===== Records for this exercise
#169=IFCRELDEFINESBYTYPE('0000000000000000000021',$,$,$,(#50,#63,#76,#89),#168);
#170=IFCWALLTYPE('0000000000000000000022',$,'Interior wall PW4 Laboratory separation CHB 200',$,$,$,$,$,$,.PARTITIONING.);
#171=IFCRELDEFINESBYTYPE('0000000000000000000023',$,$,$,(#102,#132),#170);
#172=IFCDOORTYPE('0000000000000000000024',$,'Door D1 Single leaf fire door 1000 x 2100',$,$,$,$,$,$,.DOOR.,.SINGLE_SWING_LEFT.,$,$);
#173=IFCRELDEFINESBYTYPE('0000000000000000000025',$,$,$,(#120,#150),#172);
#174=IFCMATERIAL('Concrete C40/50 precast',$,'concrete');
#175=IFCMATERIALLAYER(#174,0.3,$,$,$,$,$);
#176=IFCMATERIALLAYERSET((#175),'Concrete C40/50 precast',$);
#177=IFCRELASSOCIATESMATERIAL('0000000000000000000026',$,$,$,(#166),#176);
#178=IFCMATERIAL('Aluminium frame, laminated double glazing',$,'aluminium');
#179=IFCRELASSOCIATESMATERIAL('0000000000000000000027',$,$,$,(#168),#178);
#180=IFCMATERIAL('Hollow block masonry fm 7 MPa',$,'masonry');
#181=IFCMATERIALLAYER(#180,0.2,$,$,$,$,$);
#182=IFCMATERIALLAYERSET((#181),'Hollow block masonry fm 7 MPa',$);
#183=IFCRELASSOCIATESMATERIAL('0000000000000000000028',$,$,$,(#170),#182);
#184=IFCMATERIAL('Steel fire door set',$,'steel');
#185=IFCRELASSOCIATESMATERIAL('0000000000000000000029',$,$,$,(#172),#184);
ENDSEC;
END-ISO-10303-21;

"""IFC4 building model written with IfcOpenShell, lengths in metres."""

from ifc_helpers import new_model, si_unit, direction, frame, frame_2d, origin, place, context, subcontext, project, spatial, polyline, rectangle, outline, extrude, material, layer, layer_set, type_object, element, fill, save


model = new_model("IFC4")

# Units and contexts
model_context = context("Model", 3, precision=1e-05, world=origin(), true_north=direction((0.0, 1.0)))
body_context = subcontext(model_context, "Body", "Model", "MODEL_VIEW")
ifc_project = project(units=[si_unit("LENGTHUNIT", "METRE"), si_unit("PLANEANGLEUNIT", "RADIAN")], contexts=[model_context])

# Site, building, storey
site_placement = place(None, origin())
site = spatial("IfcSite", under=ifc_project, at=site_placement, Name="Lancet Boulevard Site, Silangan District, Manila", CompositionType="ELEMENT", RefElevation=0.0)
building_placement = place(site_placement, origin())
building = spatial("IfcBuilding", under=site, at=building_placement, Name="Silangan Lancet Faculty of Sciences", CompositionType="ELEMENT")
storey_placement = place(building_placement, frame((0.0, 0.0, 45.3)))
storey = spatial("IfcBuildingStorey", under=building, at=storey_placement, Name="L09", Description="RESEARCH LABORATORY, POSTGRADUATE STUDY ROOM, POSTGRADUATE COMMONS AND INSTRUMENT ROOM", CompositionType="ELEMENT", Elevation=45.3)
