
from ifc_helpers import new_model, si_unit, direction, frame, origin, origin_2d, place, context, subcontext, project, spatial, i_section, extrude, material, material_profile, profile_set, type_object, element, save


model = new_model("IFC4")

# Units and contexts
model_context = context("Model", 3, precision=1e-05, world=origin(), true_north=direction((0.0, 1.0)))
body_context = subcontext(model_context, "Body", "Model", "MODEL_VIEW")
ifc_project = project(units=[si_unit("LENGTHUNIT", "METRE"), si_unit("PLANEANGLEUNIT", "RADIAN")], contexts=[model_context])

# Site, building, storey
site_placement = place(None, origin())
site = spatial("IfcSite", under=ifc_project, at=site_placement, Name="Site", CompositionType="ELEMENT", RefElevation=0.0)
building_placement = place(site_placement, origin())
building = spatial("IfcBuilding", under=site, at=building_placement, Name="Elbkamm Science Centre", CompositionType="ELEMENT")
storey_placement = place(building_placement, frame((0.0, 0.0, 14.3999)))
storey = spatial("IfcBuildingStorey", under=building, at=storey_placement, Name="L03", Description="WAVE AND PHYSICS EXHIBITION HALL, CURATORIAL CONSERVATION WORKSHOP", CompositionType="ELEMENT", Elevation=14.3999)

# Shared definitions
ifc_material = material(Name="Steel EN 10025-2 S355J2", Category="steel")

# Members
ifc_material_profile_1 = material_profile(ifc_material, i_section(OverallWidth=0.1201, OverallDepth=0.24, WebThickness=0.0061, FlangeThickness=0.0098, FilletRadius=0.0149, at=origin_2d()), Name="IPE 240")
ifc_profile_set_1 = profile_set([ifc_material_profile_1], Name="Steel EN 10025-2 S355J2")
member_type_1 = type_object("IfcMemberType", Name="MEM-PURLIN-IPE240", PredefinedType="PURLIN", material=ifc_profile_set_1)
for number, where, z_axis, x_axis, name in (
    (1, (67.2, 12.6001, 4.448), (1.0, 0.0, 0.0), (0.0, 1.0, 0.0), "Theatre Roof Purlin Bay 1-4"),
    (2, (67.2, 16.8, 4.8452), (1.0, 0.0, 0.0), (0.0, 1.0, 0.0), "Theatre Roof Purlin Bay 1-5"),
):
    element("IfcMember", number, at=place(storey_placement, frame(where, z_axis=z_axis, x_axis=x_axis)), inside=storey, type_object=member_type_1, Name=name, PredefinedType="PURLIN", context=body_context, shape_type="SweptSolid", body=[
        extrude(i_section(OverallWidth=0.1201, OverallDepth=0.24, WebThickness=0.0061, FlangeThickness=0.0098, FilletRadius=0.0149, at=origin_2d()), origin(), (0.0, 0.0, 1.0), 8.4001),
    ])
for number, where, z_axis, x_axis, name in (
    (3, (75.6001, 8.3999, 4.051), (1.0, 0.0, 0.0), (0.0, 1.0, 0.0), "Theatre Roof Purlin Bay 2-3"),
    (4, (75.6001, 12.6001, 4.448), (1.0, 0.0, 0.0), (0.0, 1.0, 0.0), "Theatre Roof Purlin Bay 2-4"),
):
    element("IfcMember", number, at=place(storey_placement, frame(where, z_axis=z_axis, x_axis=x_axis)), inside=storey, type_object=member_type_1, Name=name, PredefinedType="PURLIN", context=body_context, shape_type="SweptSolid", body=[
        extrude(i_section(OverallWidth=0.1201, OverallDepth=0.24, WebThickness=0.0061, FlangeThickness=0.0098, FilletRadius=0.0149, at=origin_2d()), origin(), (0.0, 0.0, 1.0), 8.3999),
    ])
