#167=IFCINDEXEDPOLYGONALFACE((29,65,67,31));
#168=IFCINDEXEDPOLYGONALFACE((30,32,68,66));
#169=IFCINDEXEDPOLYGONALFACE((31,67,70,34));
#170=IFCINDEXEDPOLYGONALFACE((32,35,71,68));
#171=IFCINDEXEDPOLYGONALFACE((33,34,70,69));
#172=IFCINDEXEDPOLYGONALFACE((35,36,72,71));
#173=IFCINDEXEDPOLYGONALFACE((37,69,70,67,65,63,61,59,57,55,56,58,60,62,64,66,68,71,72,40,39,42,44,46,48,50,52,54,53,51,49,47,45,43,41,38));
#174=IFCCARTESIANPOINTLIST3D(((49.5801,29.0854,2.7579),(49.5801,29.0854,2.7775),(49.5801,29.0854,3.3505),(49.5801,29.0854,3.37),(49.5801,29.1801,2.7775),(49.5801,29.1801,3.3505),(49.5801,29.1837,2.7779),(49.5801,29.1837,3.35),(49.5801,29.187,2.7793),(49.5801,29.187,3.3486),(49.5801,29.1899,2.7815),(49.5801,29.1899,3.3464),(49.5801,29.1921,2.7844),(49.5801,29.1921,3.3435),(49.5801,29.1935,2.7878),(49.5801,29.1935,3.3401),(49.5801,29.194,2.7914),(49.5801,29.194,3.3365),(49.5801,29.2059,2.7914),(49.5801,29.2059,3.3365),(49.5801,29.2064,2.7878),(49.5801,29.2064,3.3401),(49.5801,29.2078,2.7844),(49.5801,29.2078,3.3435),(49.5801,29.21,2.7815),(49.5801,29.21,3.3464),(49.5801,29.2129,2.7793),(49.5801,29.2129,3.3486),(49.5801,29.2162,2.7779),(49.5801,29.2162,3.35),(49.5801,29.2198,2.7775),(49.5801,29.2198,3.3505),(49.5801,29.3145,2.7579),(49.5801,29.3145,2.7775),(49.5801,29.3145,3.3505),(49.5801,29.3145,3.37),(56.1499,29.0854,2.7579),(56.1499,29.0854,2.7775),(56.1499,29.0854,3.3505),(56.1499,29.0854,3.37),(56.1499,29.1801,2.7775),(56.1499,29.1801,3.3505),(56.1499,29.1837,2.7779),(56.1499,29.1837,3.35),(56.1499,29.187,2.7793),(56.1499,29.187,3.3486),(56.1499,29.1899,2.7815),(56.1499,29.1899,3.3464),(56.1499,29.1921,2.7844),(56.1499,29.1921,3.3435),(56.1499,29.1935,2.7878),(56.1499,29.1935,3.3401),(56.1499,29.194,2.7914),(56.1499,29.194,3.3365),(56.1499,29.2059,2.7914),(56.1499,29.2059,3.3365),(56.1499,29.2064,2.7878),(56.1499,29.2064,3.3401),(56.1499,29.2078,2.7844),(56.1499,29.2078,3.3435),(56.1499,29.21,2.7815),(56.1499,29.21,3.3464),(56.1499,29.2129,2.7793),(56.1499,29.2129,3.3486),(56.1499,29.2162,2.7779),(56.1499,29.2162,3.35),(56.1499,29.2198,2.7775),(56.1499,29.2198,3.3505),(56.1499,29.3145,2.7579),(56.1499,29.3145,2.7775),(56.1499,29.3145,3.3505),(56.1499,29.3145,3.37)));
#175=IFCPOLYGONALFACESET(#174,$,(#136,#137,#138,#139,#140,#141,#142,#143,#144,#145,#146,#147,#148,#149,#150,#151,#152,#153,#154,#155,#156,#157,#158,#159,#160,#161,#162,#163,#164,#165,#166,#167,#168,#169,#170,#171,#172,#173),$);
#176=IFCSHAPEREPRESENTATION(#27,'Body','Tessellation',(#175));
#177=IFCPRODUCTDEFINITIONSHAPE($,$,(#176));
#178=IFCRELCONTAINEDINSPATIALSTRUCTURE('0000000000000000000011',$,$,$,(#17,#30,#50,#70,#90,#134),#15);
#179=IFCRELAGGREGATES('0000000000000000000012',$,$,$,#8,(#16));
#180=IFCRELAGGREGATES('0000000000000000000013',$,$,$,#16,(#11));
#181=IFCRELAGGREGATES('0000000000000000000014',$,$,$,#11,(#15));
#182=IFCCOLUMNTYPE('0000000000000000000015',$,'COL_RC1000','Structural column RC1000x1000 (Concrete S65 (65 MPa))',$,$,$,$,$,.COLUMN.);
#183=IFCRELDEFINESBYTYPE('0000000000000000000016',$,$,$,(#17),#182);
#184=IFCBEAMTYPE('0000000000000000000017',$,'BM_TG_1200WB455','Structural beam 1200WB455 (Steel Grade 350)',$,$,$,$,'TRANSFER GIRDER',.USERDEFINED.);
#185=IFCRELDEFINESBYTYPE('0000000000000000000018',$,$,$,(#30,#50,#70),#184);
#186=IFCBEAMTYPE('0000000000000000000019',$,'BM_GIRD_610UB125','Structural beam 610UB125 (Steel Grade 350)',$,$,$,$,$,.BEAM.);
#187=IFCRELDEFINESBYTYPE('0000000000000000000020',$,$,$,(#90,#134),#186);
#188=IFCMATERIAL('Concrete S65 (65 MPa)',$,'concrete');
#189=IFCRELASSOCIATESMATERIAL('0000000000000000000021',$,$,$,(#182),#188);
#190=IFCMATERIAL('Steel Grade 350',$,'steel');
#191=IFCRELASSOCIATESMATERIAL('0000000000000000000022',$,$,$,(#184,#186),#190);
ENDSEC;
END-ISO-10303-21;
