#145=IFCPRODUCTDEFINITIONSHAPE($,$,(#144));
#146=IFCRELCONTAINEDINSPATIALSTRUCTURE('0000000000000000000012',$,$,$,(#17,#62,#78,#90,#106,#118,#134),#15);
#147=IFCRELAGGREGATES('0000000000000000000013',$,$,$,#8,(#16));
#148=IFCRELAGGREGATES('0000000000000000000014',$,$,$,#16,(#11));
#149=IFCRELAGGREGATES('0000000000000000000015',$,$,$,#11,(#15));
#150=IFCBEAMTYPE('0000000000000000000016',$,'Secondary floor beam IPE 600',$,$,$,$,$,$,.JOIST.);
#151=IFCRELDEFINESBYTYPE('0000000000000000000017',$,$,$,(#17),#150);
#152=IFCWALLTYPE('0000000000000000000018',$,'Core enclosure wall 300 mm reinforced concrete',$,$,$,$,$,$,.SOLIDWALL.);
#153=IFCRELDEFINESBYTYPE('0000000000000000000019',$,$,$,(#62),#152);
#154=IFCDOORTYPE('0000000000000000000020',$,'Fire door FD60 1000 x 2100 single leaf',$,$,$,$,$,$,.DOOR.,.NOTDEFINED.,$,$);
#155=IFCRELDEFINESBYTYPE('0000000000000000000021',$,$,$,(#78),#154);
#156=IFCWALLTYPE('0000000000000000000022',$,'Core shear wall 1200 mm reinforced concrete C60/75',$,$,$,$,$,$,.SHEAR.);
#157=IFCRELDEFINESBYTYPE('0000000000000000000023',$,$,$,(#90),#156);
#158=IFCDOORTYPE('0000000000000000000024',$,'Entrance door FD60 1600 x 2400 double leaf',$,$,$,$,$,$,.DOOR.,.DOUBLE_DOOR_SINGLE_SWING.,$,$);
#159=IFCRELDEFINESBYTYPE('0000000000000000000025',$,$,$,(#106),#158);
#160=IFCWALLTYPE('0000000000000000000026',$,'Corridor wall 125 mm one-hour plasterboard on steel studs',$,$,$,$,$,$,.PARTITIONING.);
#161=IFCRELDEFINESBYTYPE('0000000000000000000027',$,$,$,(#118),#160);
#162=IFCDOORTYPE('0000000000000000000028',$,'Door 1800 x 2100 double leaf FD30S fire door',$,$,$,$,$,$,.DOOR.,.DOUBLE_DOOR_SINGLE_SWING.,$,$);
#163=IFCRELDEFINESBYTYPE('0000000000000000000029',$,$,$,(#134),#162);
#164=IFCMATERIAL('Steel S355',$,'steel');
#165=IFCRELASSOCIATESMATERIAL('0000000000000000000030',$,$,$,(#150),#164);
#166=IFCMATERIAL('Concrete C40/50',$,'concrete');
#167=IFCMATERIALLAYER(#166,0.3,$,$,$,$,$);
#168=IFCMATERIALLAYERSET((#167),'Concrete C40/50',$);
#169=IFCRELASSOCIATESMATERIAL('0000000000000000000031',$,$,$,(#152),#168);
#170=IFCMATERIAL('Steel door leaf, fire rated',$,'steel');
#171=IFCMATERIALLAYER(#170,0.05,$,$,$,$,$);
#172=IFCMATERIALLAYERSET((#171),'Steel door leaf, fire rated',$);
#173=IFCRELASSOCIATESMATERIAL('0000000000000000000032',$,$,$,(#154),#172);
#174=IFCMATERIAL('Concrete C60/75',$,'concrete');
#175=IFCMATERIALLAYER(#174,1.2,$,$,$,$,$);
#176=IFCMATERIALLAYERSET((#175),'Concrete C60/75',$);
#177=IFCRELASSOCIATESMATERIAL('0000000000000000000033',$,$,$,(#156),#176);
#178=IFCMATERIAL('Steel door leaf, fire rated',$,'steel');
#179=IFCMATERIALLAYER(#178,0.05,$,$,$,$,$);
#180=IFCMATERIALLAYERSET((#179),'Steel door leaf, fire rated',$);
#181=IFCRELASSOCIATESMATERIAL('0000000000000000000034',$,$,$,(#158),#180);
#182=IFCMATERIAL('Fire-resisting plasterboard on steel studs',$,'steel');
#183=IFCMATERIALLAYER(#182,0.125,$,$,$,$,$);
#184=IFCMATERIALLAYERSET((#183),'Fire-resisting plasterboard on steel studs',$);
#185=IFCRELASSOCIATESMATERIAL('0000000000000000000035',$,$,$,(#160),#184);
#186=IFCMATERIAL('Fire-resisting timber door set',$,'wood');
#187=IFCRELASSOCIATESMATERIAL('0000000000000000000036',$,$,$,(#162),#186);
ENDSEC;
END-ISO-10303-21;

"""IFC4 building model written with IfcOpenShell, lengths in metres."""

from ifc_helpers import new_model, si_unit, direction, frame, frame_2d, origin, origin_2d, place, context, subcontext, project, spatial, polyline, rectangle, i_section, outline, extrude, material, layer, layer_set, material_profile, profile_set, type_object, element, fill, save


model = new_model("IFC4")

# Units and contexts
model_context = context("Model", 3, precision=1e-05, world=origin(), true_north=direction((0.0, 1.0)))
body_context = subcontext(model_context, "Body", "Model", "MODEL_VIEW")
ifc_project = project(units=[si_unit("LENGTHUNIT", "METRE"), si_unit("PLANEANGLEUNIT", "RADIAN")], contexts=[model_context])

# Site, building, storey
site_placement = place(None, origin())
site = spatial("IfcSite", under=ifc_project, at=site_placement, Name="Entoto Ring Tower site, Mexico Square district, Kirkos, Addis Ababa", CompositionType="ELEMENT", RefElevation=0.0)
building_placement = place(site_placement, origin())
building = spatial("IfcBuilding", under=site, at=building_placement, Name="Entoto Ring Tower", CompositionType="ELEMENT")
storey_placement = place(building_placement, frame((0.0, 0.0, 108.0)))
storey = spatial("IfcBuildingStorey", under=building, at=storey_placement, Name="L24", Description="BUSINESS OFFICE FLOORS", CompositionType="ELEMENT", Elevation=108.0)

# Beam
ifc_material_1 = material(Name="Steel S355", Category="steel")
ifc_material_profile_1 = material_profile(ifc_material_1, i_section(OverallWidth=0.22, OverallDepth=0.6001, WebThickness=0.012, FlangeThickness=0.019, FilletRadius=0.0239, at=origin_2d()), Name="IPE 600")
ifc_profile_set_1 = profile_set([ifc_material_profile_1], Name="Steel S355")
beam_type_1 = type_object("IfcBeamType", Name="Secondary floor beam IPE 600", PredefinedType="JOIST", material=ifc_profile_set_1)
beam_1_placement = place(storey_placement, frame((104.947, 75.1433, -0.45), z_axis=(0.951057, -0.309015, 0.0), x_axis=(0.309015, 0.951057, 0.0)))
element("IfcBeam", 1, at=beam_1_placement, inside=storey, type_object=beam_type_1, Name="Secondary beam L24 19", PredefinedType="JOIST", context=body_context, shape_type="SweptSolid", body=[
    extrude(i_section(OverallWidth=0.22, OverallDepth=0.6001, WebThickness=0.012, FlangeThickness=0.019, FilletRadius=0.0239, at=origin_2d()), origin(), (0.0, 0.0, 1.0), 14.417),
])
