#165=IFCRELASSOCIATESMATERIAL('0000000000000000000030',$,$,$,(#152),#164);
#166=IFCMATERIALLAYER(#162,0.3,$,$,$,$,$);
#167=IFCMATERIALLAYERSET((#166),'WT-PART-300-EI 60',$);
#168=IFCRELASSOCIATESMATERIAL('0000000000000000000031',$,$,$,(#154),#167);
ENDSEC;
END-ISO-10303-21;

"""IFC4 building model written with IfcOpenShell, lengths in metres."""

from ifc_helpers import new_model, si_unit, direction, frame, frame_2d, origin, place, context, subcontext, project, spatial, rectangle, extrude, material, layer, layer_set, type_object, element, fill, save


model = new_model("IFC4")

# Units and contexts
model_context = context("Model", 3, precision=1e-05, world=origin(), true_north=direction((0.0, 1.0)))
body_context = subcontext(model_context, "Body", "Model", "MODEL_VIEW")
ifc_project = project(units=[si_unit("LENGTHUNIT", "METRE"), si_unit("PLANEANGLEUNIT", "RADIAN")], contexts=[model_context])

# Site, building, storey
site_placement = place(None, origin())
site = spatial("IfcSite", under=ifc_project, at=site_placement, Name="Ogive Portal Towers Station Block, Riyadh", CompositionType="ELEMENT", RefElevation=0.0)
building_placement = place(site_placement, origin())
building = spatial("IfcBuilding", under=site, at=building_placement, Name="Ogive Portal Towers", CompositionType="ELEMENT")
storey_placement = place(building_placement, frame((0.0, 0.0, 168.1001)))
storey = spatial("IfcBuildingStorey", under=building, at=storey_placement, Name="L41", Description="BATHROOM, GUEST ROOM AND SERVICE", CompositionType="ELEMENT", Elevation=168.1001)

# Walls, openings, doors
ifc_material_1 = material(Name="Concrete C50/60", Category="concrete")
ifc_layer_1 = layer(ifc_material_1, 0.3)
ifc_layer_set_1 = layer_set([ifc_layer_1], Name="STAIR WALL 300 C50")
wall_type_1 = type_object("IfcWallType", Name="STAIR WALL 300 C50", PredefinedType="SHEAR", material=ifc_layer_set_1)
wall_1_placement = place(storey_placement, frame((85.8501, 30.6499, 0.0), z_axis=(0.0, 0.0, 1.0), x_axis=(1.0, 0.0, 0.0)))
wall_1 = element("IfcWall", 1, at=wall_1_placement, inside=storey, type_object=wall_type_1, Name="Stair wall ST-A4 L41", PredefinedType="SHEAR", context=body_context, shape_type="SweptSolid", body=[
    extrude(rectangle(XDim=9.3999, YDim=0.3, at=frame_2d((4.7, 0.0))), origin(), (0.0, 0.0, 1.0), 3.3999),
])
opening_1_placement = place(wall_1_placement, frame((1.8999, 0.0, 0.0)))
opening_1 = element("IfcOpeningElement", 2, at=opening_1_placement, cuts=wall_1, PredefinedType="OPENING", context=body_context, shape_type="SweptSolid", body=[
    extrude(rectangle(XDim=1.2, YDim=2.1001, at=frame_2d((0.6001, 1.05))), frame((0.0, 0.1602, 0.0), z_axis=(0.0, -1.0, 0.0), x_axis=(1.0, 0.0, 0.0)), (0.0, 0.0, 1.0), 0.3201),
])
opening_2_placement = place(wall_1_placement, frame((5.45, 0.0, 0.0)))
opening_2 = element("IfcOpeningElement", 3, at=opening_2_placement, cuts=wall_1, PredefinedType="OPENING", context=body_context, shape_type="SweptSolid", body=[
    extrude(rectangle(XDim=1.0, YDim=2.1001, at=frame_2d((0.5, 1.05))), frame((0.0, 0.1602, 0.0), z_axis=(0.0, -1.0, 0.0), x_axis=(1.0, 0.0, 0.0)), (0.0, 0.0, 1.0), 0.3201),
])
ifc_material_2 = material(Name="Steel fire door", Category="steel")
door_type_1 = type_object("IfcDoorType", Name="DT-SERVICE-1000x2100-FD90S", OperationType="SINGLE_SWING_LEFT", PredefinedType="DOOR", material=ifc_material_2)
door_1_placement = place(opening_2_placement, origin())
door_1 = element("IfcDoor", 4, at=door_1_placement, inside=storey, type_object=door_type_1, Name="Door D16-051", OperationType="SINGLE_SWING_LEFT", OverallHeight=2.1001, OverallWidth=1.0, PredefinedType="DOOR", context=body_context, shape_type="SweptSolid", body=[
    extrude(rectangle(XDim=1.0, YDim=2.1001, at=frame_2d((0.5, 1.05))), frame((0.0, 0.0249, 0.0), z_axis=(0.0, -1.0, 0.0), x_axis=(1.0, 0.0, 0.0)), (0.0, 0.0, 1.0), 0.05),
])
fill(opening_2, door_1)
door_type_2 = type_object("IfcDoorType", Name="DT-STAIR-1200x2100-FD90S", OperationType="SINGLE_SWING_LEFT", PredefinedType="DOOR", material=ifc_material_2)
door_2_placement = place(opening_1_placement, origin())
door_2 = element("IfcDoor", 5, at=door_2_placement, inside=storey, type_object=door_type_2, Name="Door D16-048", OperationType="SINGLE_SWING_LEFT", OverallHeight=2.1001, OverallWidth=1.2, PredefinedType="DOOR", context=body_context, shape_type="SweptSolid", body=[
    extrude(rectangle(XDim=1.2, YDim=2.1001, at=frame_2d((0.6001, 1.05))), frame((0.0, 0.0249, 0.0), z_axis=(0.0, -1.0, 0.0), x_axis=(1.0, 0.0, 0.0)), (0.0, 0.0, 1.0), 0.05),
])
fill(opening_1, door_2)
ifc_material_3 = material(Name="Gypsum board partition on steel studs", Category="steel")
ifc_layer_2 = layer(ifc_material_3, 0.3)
==========
▶ **About this exercise**
Whenever a line of the listing above holds the word "studs", copy that line.

▶ **Solution to the exercise**
#160=IFCWALLTYPE('0000000000000000000026',$,'Corridor wall 125 mm one-hour plasterboard on steel studs',$,$,$,$,$,$,.PARTITIONING.);
#182=IFCMATERIAL('Fire-resisting plasterboard on steel studs',$,'steel');
#184=IFCMATERIALLAYERSET((#183),'Fire-resisting plasterboard on steel studs',$);
ifc_material_3 = material(Name="Gypsum board partition on steel studs", Category="steel")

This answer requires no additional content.